=== PROVIDED RECORDS ===
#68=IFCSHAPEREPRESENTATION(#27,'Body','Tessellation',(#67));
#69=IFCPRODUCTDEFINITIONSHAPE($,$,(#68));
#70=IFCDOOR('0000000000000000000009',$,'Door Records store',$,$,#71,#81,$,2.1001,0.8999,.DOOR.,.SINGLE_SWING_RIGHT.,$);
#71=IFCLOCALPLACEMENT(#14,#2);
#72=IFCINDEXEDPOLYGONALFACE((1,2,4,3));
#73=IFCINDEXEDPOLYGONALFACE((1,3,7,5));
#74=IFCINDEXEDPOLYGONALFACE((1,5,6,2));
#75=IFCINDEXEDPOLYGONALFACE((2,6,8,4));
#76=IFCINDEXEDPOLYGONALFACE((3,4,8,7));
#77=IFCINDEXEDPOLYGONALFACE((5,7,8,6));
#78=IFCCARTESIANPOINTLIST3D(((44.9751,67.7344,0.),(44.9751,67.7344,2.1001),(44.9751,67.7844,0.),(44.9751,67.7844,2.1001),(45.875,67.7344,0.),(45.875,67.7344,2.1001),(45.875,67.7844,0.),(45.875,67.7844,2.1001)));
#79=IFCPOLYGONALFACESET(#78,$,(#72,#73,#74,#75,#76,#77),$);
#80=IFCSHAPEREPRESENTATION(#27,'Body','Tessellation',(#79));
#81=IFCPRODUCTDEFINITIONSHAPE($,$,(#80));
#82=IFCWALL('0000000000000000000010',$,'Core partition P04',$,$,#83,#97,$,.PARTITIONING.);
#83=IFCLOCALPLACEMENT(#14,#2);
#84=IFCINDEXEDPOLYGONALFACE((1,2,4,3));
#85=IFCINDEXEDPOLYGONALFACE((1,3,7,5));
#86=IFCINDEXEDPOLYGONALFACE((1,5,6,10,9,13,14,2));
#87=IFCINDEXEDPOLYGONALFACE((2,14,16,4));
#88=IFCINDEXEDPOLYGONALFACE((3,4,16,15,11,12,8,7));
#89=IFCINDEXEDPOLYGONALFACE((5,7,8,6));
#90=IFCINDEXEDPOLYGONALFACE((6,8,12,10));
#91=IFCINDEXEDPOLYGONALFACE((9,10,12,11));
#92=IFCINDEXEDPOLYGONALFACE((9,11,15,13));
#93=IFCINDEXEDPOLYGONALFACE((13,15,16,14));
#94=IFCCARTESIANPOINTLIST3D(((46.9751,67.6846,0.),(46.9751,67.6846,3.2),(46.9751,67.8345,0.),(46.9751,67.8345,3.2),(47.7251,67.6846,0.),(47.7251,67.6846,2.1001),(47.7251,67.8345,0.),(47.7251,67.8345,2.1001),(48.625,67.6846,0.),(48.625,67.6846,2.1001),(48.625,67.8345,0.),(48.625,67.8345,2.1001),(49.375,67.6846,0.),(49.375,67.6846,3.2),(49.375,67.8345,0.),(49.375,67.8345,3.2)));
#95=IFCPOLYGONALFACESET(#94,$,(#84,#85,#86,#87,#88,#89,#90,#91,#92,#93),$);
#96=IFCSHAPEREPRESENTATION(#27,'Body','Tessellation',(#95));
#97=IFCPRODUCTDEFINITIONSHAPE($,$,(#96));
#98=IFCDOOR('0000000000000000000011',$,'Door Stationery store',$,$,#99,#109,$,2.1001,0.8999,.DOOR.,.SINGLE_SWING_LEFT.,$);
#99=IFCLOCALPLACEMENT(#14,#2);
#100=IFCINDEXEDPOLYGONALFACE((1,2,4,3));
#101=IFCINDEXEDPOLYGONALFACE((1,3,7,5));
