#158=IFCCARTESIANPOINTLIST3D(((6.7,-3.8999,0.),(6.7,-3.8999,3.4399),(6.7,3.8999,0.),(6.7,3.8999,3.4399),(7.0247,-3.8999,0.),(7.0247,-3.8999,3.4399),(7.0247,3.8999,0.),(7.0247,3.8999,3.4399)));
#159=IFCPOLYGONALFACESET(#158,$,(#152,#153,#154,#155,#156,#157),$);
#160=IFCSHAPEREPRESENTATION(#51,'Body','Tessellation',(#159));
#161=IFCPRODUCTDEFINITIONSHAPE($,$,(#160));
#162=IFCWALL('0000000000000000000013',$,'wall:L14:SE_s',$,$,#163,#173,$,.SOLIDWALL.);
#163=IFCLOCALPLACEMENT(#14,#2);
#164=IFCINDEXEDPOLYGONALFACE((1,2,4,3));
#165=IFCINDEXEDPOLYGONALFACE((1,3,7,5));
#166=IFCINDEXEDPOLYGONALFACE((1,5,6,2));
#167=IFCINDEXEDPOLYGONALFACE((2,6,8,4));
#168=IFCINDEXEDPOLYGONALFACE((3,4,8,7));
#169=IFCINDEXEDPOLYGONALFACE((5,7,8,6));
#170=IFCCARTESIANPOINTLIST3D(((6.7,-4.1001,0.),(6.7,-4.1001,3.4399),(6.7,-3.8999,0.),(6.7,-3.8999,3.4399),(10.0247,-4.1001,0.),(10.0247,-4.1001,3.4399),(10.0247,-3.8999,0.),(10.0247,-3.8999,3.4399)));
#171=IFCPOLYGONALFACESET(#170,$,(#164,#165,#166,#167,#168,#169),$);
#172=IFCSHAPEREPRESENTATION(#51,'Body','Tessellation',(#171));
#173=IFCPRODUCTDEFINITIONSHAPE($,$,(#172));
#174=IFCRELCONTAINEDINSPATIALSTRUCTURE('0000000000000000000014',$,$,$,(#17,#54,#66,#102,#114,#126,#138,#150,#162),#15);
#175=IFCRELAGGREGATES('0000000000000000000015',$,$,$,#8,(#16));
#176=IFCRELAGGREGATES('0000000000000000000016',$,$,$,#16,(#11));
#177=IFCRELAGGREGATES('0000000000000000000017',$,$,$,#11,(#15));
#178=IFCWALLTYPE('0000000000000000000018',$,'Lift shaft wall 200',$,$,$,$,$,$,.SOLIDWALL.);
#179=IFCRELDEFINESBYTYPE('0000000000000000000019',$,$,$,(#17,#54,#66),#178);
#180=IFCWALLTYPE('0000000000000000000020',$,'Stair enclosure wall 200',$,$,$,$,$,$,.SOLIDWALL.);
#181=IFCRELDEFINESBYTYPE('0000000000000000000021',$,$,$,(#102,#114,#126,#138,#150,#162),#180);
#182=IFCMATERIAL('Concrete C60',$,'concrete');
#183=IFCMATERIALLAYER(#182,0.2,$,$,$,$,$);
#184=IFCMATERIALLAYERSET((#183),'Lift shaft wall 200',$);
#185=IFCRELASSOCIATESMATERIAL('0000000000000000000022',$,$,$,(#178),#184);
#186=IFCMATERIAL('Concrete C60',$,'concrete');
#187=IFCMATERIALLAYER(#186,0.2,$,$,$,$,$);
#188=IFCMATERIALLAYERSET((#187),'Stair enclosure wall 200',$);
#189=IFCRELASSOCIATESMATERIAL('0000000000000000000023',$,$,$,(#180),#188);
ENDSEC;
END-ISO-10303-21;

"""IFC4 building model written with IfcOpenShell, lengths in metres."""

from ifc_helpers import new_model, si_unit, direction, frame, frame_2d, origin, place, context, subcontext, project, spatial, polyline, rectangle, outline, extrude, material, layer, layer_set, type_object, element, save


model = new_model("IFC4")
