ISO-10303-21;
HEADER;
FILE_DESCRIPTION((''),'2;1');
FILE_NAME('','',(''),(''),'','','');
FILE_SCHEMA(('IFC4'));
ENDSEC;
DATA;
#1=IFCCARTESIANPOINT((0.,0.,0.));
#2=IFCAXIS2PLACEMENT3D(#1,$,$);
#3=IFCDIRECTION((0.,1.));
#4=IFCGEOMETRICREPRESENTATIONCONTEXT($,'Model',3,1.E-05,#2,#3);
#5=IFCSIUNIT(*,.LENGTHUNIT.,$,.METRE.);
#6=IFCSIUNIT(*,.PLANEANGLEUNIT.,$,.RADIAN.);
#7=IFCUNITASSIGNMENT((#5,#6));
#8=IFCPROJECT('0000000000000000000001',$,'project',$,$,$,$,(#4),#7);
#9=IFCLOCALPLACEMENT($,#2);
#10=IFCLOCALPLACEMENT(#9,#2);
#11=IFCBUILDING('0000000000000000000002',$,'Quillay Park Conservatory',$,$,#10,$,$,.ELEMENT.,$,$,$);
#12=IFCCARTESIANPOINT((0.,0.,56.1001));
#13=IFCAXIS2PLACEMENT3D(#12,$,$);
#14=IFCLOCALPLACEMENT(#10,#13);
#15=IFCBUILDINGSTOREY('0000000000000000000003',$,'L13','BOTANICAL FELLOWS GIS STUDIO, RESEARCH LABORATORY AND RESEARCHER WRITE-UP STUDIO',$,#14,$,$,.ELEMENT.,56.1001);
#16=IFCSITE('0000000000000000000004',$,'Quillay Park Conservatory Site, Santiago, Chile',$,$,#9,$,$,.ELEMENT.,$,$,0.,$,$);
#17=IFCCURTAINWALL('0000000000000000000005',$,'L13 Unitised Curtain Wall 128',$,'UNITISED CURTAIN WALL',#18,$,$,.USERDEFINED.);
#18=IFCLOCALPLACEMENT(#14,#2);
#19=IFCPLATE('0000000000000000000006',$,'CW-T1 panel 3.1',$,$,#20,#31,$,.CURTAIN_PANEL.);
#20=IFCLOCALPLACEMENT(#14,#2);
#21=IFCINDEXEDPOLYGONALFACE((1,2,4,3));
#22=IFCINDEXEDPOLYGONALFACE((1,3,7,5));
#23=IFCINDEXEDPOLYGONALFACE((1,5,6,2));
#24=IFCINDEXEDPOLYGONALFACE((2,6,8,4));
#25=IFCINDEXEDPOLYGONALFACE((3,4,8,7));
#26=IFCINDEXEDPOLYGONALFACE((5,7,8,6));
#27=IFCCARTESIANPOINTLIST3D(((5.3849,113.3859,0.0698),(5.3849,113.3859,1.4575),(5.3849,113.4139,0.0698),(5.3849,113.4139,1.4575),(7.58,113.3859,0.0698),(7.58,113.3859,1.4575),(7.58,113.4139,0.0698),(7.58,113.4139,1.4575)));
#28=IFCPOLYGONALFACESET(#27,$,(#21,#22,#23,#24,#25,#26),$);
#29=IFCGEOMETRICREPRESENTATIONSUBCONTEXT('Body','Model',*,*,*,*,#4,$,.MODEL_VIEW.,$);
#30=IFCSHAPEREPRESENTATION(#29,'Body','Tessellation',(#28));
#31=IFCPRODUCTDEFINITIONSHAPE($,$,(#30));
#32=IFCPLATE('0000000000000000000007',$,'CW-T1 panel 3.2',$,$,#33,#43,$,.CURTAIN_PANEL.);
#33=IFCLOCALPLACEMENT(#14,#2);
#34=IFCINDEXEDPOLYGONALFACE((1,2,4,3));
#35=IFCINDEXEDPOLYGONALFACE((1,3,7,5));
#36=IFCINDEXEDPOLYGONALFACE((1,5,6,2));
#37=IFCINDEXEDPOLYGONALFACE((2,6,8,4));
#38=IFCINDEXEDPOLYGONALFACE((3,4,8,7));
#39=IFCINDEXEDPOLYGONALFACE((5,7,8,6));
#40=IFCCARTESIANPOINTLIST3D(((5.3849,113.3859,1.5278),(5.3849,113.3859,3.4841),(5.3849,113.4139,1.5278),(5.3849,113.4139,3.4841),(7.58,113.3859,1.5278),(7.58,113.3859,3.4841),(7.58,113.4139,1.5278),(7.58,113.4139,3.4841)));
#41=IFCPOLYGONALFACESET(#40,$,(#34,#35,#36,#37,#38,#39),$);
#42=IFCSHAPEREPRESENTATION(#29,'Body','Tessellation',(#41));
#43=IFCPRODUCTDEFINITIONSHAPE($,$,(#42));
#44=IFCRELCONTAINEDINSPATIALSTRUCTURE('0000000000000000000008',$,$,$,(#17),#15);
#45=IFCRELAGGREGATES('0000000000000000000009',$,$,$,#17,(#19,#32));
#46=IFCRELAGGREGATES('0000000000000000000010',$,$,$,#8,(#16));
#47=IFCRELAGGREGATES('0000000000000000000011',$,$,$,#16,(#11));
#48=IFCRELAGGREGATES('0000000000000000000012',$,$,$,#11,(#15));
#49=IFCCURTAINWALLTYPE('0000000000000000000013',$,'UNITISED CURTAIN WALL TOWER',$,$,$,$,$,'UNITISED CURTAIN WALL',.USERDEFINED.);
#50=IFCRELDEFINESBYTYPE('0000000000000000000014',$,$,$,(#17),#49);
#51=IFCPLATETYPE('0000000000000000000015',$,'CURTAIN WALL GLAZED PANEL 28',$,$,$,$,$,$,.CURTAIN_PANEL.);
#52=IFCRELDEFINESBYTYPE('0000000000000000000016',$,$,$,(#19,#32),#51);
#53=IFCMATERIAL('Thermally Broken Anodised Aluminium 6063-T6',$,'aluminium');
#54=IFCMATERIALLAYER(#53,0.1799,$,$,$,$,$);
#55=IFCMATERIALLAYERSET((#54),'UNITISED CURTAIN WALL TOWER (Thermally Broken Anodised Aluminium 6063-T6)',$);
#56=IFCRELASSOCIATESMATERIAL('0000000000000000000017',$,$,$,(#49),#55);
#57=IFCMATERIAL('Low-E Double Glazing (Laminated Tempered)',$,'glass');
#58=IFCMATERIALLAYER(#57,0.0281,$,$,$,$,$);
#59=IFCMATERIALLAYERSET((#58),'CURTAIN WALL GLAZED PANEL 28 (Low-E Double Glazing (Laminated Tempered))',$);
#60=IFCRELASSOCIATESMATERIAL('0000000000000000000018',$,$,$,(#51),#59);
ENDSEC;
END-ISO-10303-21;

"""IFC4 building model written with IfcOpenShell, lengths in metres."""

from ifc_helpers import new_model, si_unit, direction, frame, origin, origin_2d, place, context, subcontext, project, spatial, rectangle, extrude, material, layer, layer_set, type_object, element, aggregate, save


model = new_model("IFC4")

# Units and contexts
model_context = context("Model", 3, precision=1e-05, world=origin(), true_north=direction((0.0, 1.0)))
body_context = subcontext(model_context, "Body", "Model", "MODEL_VIEW")
ifc_project = project(units=[si_unit("LENGTHUNIT", "METRE"), si_unit("PLANEANGLEUNIT", "RADIAN")], contexts=[model_context])

# Site, building, storey
site_placement = place(None, origin())
site = spatial("IfcSite", under=ifc_project, at=site_placement, Name="Quillay Park Conservatory Site, Santiago, Chile", CompositionType="ELEMENT", RefElevation=0.0)
building_placement = place(site_placement, origin())
building = spatial("IfcBuilding", under=site, at=building_placement, Name="Quillay Park Conservatory", CompositionType="ELEMENT")
storey_placement = place(building_placement, frame((0.0, 0.0, 56.1001)))
storey = spatial("IfcBuildingStorey", under=building, at=storey_placement, Name="L13", Description="BOTANICAL FELLOWS GIS STUDIO, RESEARCH LABORATORY AND RESEARCHER WRITE-UP STUDIO", CompositionType="ELEMENT", Elevation=56.1001)

# Curtain wall
ifc_material_1 = material(Name="Thermally Broken Anodised Aluminium 6063-T6", Category="aluminium")
ifc_layer_1 = layer(ifc_material_1, 0.1799)
ifc_layer_set_1 = layer_set([ifc_layer_1], Name="UNITISED CURTAIN WALL TOWER (Thermally Broken Anodised Aluminium 6063-T6)")
curtain_wall_type = type_object("IfcCurtainWallType", Name="UNITISED CURTAIN WALL TOWER", ElementType="UNITISED CURTAIN WALL", PredefinedType="USERDEFINED", material=ifc_layer_set_1)
curtain_wall_1_placement = place(storey_placement, origin())
curtain_wall_1 = element("IfcCurtainWall", 1, at=curtain_wall_1_placement, inside=storey, type_object=curtain_wall_type, Name="L13 Unitised Curtain Wall 128", ObjectType="UNITISED CURTAIN WALL", PredefinedType="USERDEFINED")

# Plates
ifc_material_2 = material(Name="Low-E Double Glazing (Laminated Tempered)", Category="glass")
ifc_layer_2 = layer(ifc_material_2, 0.0281)
ifc_layer_set_2 = layer_set([ifc_layer_2], Name="CURTAIN WALL GLAZED PANEL 28 (Low-E Double Glazing (Laminated Tempered))")
plate_type = type_object("IfcPlateType", Name="CURTAIN WALL GLAZED PANEL 28", PredefinedType="CURTAIN_PANEL", material=ifc_layer_set_2)
plate_1_placement = place(storey_placement, frame((6.4824, 113.3999, 0.0698), z_axis=(0.0, 0.0, 1.0), x_axis=(1.0, 0.0, 0.0)))
plate_1 = element("IfcPlate", 2, at=plate_1_placement, type_object=plate_type, Name="CW-T1 panel 3.1", PredefinedType="CURTAIN_PANEL", context=body_context, shape_type="SweptSolid", body=[
    extrude(rectangle(XDim=2.1951, YDim=0.0281, at=origin_2d()), origin(), (0.0, 0.0, 1.0), 1.3877),
])
plate_2_placement = place(storey_placement, frame((6.4824, 113.3999, 1.5278), z_axis=(0.0, 0.0, 1.0), x_axis=(1.0, 0.0, 0.0)))
plate_2 = element("IfcPlate", 3, at=plate_2_placement, type_object=plate_type, Name="CW-T1 panel 3.2", PredefinedType="CURTAIN_PANEL", context=body_context, shape_type="SweptSolid", body=[
    extrude(rectangle(XDim=2.1951, YDim=0.0281, at=origin_2d()), origin(), (0.0, 0.0, 1.0), 1.9563),
])
aggregate(curtain_wall_1, [plate_1, plate_2])

save(model, "model.ifc")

=== TASK BRIEF ===
Reproduce exactly the lines above from the line with "#4=IFCGEOMETRICREPRESENTATIONCONTEXT($,'Model',3,1.E-05,#2,#3);" to the line with "#30=IFCSHAPEREPRESENTATION(#29,'Body','Tessellation',(#28));", including both, and add nothing.

=== EXERCISE ANSWER ===
#4=IFCGEOMETRICREPRESENTATIONCONTEXT($,'Model',3,1.E-05,#2,#3);
#5=IFCSIUNIT(*,.LENGTHUNIT.,$,.METRE.);
#6=IFCSIUNIT(*,.PLANEANGLEUNIT.,$,.RADIAN.);
#7=IFCUNITASSIGNMENT((#5,#6));
#8=IFCPROJECT('0000000000000000000001',$,'project',$,$,$,$,(#4),#7);
#9=IFCLOCALPLACEMENT($,#2);
#10=IFCLOCALPLACEMENT(#9,#2);
#11=IFCBUILDING('0000000000000000000002',$,'Quillay Park Conservatory',$,$,#10,$,$,.ELEMENT.,$,$,$);
#12=IFCCARTESIANPOINT((0.,0.,56.1001));
#13=IFCAXIS2PLACEMENT3D(#12,$,$);
#14=IFCLOCALPLACEMENT(#10,#13);
#15=IFCBUILDINGSTOREY('0000000000000000000003',$,'L13','BOTANICAL FELLOWS GIS STUDIO, RESEARCH LABORATORY AND RESEARCHER WRITE-UP STUDIO',$,#14,$,$,.ELEMENT.,56.1001);
#16=IFCSITE('0000000000000000000004',$,'Quillay Park Conservatory Site, Santiago, Chile',$,$,#9,$,$,.ELEMENT.,$,$,0.,$,$);
#17=IFCCURTAINWALL('0000000000000000000005',$,'L13 Unitised Curtain Wall 128',$,'UNITISED CURTAIN WALL',#18,$,$,.USERDEFINED.);
#18=IFCLOCALPLACEMENT(#14,#2);
#19=IFCPLATE('0000000000000000000006',$,'CW-T1 panel 3.1',$,$,#20,#31,$,.CURTAIN_PANEL.);
#20=IFCLOCALPLACEMENT(#14,#2);
#21=IFCINDEXEDPOLYGONALFACE((1,2,4,3));
#22=IFCINDEXEDPOLYGONALFACE((1,3,7,5));
#23=IFCINDEXEDPOLYGONALFACE((1,5,6,2));
#24=IFCINDEXEDPOLYGONALFACE((2,6,8,4));
#25=IFCINDEXEDPOLYGONALFACE((3,4,8,7));
#26=IFCINDEXEDPOLYGONALFACE((5,7,8,6));
#27=IFCCARTESIANPOINTLIST3D(((5.3849,113.3859,0.0698),(5.3849,113.3859,1.4575),(5.3849,113.4139,0.0698),(5.3849,113.4139,1.4575),(7.58,113.3859,0.0698),(7.58,113.3859,1.4575),(7.58,113.4139,0.0698),(7.58,113.4139,1.4575)));
#28=IFCPOLYGONALFACESET(#27,$,(#21,#22,#23,#24,#25,#26),$);
#29=IFCGEOMETRICREPRESENTATIONSUBCONTEXT('Body','Model',*,*,*,*,#4,$,.MODEL_VIEW.,$);
#30=IFCSHAPEREPRESENTATION(#29,'Body','Tessellation',(#28));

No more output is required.